● **Action item**
For every line in the entries that contains "Description", show the whole line.

(Collected data entries)
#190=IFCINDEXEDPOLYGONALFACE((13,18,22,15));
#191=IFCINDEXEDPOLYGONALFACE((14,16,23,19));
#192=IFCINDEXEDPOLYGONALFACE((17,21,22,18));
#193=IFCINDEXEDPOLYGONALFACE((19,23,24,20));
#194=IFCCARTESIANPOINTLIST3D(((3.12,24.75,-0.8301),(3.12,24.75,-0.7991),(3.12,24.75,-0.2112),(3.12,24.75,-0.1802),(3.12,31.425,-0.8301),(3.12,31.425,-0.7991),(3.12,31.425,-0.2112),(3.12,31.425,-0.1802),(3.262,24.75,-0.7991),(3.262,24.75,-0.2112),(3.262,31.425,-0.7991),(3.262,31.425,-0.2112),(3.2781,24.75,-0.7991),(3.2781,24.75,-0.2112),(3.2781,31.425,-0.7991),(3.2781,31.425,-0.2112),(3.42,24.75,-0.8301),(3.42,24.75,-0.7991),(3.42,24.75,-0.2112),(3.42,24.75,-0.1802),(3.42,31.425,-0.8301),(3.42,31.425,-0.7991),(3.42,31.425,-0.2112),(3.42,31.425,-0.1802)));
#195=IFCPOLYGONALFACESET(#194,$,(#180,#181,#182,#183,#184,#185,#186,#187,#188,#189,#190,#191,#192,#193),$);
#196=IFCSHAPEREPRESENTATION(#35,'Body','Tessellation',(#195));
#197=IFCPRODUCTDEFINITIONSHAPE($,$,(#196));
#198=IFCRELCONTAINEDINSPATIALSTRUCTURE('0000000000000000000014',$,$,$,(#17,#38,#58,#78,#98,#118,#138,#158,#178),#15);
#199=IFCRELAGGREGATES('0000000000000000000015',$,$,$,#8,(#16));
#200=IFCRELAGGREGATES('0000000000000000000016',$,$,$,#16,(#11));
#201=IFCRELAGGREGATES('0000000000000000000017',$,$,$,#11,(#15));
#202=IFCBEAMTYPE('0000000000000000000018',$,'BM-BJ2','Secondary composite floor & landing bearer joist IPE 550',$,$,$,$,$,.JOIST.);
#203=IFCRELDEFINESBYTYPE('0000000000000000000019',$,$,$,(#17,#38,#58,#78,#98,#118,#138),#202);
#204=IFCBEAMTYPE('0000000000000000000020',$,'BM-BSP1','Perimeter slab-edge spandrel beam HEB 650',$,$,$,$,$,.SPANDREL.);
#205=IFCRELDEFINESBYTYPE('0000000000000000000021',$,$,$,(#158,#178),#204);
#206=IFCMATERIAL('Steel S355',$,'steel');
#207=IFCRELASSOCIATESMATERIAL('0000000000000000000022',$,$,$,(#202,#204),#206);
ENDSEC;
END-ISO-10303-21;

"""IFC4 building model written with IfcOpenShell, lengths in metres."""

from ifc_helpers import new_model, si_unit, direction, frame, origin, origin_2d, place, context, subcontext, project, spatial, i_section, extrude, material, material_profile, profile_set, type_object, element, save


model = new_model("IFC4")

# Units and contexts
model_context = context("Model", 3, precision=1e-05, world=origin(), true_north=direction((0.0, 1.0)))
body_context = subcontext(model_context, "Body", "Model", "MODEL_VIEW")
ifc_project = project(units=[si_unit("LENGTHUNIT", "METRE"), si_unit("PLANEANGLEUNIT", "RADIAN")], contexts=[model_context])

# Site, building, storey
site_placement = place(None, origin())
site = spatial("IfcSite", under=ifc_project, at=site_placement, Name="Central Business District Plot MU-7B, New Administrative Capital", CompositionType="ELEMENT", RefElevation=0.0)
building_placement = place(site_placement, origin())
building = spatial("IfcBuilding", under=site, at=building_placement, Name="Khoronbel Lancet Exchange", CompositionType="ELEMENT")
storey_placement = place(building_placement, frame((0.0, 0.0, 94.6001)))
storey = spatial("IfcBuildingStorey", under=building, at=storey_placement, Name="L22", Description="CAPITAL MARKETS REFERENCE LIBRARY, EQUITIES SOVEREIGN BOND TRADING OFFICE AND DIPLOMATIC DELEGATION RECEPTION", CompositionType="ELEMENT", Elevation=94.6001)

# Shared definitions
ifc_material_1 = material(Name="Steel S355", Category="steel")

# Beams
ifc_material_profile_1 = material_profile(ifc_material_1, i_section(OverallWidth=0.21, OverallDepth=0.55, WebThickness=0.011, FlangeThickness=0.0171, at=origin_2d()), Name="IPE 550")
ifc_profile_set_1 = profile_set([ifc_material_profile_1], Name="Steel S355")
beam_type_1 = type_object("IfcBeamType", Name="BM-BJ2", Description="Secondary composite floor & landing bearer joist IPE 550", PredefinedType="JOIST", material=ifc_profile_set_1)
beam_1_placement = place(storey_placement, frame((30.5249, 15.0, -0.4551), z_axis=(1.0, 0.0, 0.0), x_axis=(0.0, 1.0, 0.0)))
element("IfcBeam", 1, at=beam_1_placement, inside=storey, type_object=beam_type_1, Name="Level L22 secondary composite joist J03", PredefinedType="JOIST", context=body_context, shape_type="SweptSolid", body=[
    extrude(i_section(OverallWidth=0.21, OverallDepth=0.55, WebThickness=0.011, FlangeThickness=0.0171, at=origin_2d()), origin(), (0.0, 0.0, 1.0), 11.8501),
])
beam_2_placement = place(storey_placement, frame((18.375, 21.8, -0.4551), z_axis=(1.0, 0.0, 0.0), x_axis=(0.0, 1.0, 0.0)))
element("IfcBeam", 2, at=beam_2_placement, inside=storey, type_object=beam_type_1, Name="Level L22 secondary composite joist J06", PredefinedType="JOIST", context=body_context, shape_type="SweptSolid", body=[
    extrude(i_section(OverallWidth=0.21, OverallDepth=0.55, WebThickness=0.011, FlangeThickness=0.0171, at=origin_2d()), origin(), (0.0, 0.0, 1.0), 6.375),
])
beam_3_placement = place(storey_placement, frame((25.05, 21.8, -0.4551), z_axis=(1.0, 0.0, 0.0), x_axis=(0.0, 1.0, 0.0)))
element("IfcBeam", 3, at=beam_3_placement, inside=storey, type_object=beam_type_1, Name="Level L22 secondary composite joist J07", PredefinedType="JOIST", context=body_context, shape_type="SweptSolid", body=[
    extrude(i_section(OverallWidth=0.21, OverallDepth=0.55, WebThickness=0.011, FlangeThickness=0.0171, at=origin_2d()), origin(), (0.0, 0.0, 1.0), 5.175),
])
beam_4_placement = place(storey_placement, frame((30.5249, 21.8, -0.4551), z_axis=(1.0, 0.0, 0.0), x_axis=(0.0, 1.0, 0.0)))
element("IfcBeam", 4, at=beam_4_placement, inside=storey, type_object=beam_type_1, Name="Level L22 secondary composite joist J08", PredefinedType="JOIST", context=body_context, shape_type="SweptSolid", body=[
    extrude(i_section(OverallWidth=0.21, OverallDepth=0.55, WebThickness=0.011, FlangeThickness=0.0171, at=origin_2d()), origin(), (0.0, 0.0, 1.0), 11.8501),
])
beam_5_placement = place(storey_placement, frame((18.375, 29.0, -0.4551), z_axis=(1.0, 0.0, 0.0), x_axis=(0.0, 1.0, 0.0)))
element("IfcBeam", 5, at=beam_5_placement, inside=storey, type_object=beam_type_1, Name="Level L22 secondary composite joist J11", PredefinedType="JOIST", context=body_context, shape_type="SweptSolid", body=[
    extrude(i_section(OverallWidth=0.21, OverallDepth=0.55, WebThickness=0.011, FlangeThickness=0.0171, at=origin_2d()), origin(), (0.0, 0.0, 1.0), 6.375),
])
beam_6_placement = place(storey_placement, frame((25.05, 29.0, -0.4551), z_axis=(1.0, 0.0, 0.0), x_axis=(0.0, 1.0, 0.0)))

● **Answer to the problem**
storey = spatial("IfcBuildingStorey", under=building, at=storey_placement, Name="L22", Description="CAPITAL MARKETS REFERENCE LIBRARY, EQUITIES SOVEREIGN BOND TRADING OFFICE AND DIPLOMATIC DELEGATION RECEPTION", CompositionType="ELEMENT", Elevation=94.6001)
beam_type_1 = type_object("IfcBeamType", Name="BM-BJ2", Description="Secondary composite floor & landing bearer joist IPE 550", PredefinedType="JOIST", material=ifc_profile_set_1)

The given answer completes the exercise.